Wherever the listing has a line with the string "path", copy that line out.

+===+

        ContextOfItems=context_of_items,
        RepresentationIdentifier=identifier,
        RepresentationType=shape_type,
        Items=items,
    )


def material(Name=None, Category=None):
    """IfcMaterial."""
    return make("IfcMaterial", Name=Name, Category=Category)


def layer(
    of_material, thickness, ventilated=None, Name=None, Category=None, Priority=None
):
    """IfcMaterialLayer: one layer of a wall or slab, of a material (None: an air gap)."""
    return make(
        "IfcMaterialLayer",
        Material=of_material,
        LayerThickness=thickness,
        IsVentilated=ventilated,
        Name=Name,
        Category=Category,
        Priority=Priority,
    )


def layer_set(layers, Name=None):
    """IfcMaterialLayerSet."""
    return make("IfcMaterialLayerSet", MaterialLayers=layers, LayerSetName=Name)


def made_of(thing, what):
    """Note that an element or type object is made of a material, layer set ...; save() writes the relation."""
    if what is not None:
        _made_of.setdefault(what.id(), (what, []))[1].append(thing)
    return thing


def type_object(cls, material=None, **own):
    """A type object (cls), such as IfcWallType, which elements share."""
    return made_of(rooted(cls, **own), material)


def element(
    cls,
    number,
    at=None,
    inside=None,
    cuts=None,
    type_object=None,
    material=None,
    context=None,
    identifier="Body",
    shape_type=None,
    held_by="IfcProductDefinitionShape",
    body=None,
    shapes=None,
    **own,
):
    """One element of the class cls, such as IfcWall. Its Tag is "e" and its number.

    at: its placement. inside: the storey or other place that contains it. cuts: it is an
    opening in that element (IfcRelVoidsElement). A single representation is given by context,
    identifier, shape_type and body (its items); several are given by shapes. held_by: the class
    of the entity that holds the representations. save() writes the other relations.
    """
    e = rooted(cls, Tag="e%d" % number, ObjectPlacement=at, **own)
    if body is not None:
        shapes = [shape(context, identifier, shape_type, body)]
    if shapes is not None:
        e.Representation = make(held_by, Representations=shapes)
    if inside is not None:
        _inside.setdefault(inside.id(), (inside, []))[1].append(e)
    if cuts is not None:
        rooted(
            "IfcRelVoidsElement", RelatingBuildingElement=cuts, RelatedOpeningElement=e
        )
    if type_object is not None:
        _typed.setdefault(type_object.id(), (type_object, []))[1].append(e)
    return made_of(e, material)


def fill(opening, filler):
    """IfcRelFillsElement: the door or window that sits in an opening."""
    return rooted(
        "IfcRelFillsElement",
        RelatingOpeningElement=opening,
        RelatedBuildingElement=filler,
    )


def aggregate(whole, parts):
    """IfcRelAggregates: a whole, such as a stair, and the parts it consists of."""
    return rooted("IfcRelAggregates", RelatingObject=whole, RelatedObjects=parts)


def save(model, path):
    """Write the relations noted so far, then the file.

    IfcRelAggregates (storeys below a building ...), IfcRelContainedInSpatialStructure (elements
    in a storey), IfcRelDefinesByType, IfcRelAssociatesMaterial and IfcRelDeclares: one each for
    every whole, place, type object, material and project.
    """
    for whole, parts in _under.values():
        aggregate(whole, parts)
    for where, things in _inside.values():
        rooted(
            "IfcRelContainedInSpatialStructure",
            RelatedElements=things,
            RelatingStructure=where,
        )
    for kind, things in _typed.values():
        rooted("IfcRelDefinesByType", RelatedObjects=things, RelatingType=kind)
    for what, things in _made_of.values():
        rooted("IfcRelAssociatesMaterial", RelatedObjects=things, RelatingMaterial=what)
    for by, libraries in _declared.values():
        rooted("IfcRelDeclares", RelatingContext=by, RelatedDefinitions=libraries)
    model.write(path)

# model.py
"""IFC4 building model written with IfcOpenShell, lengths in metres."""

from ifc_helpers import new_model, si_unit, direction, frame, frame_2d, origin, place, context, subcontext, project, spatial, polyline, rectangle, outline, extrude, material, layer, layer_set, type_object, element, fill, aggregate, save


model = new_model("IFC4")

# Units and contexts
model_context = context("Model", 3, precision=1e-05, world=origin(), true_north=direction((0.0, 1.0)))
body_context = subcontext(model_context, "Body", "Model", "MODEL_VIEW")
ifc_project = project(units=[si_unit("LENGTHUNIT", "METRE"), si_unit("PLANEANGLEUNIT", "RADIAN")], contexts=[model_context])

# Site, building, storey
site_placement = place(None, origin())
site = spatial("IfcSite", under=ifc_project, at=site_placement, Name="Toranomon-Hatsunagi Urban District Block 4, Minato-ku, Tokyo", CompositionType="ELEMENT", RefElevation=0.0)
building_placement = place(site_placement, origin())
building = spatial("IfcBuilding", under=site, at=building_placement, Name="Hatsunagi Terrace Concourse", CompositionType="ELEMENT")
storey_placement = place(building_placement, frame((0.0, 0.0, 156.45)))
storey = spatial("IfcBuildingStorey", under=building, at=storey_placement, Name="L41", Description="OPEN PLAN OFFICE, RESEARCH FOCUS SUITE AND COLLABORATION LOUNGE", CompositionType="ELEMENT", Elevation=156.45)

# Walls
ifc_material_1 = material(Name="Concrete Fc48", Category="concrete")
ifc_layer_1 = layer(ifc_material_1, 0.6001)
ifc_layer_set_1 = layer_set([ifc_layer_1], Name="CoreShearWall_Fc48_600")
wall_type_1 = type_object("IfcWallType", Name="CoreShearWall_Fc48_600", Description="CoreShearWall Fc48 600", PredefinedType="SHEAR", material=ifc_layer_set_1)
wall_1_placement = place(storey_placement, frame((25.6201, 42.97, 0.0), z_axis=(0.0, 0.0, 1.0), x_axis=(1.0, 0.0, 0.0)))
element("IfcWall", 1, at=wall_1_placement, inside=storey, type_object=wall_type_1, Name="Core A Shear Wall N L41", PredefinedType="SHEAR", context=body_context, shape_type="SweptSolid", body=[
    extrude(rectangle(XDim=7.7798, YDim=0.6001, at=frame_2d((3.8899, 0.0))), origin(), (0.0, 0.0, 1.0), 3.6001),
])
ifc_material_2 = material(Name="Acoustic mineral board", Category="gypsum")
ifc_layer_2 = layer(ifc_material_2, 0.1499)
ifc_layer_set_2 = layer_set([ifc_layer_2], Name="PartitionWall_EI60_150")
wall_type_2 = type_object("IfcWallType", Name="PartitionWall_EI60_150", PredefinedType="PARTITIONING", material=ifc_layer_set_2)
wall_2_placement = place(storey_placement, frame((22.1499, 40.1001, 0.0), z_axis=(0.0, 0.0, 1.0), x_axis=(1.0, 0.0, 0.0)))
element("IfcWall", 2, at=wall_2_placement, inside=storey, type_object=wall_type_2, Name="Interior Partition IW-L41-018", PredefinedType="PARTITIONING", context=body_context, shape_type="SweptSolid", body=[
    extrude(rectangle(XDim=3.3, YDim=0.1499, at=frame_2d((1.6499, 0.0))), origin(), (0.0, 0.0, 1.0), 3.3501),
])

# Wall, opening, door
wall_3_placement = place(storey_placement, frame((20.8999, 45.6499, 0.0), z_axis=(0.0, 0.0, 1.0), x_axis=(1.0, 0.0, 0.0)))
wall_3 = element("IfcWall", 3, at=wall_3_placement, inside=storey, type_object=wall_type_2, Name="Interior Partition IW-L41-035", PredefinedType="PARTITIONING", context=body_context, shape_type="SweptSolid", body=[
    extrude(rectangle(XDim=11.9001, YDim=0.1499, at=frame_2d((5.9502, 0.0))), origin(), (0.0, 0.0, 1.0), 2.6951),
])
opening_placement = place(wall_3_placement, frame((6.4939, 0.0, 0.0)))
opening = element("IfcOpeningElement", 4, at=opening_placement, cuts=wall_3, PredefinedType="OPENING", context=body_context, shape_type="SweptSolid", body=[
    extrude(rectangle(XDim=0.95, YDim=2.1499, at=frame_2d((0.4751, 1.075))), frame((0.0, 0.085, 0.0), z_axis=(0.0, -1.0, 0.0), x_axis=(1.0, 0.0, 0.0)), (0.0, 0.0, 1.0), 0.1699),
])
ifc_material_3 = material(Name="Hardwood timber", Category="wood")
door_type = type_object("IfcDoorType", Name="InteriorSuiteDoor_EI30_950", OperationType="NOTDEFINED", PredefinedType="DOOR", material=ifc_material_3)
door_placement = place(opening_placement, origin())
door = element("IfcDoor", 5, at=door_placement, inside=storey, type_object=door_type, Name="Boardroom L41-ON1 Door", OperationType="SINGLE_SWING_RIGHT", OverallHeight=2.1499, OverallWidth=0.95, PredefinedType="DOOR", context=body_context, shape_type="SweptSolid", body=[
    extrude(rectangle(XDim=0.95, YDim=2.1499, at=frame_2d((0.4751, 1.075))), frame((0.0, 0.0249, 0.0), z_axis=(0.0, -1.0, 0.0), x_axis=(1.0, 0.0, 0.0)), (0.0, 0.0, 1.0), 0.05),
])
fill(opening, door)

+===+

• OUTPUT BELOW:
def save(model, path):
    model.write(path)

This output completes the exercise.